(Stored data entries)
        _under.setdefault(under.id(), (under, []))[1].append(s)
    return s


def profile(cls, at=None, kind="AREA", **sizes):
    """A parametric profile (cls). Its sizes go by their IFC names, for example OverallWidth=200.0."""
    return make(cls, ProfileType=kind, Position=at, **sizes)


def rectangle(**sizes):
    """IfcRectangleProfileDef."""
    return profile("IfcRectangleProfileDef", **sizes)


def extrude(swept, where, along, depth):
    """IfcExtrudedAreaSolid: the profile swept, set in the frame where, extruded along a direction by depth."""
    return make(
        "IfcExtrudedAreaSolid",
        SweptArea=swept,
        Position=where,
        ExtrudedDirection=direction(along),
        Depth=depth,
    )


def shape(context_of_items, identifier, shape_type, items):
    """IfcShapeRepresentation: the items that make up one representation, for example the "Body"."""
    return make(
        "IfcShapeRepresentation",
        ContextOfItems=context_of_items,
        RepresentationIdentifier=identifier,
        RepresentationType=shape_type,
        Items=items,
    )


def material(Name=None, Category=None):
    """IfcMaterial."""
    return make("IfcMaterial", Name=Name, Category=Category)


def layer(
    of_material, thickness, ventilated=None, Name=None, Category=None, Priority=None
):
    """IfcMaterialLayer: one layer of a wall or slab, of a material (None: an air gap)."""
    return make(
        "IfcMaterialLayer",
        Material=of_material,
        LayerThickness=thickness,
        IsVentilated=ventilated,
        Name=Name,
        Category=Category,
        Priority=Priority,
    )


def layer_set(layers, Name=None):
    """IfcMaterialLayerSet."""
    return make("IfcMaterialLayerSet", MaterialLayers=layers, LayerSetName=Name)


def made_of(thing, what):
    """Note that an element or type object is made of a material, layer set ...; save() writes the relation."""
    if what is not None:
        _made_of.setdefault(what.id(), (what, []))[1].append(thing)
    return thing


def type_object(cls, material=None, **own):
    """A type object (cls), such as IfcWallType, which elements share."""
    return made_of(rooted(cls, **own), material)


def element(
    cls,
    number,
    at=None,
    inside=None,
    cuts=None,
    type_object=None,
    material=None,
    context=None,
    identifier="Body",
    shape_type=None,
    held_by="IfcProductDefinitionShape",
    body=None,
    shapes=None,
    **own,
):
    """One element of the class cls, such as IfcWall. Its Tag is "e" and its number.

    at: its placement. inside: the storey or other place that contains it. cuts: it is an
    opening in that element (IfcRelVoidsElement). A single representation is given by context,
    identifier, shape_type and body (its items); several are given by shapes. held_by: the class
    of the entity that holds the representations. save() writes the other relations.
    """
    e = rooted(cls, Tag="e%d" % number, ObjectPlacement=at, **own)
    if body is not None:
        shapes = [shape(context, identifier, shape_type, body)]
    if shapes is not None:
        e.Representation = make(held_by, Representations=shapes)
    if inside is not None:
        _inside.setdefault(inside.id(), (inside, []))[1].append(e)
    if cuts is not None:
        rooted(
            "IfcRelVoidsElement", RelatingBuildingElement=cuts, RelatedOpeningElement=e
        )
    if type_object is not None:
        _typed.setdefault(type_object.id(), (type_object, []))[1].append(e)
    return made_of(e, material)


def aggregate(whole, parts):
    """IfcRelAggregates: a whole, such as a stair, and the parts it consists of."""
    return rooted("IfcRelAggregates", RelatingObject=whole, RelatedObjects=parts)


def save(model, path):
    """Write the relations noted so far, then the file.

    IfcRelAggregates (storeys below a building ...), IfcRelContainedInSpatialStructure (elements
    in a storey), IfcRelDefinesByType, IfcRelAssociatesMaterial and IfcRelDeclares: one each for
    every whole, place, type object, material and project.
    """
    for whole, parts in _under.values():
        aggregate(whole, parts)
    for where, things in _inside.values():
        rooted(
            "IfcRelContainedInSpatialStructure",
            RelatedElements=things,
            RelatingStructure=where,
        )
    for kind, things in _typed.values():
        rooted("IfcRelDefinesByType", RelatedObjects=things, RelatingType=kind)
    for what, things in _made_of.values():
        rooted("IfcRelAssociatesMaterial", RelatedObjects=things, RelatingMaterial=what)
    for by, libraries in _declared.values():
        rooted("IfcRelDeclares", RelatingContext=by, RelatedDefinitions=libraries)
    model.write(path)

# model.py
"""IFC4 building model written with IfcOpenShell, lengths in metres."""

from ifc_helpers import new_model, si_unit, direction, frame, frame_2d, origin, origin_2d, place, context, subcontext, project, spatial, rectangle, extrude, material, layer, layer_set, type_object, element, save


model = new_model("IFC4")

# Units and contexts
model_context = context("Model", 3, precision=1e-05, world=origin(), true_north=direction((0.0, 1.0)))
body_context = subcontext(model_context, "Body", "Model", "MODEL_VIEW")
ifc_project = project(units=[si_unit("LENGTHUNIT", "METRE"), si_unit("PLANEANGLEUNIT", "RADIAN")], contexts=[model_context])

---

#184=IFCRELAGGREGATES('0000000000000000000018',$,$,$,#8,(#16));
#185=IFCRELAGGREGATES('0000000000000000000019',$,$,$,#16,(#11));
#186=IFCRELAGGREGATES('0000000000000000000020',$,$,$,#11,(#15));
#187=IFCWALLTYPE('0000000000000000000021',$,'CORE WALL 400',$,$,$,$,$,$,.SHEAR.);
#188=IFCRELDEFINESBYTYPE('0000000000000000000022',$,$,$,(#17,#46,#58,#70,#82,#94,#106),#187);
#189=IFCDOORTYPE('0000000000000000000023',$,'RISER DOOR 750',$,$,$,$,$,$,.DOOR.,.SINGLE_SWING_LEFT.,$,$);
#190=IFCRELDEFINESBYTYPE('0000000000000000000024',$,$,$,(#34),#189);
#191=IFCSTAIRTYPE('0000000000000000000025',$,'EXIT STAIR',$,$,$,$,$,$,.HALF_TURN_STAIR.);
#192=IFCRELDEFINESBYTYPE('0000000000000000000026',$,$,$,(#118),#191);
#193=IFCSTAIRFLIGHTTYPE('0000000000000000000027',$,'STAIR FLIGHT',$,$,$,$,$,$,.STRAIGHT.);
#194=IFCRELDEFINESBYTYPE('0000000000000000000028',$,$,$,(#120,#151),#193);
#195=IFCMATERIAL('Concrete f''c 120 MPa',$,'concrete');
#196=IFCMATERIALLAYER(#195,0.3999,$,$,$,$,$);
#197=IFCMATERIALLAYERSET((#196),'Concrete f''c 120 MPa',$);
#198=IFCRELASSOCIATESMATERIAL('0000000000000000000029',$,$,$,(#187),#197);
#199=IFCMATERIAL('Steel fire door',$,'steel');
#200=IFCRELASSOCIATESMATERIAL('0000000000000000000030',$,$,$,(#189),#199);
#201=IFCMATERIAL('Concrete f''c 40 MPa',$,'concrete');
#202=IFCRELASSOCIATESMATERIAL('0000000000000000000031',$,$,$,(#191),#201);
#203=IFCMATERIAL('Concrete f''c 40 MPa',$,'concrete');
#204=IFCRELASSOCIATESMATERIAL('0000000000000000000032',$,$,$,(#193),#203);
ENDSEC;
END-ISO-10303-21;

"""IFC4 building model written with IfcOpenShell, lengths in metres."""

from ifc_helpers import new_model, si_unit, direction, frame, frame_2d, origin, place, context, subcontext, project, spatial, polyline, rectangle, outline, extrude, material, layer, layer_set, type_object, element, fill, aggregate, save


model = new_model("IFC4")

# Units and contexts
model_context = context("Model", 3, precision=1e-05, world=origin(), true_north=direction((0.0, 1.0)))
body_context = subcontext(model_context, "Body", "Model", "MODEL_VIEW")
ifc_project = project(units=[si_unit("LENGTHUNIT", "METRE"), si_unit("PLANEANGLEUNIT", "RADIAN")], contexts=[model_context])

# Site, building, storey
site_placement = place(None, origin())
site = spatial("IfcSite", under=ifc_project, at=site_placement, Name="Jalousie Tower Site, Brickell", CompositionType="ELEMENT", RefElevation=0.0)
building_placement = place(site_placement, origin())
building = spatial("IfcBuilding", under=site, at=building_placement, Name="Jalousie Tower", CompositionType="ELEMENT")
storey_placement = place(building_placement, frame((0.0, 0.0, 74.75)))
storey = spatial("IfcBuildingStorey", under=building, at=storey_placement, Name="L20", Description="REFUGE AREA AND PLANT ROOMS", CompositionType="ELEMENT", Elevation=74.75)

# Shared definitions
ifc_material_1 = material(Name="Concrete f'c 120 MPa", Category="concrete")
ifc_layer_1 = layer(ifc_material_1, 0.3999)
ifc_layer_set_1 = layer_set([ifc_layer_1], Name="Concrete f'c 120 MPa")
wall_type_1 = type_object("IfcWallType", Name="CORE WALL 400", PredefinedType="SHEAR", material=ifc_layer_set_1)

* _Exercise objective_
Using the records above, give the number of lines in which the word "shapes" occurs, and nothing else.

* _Task solution_
5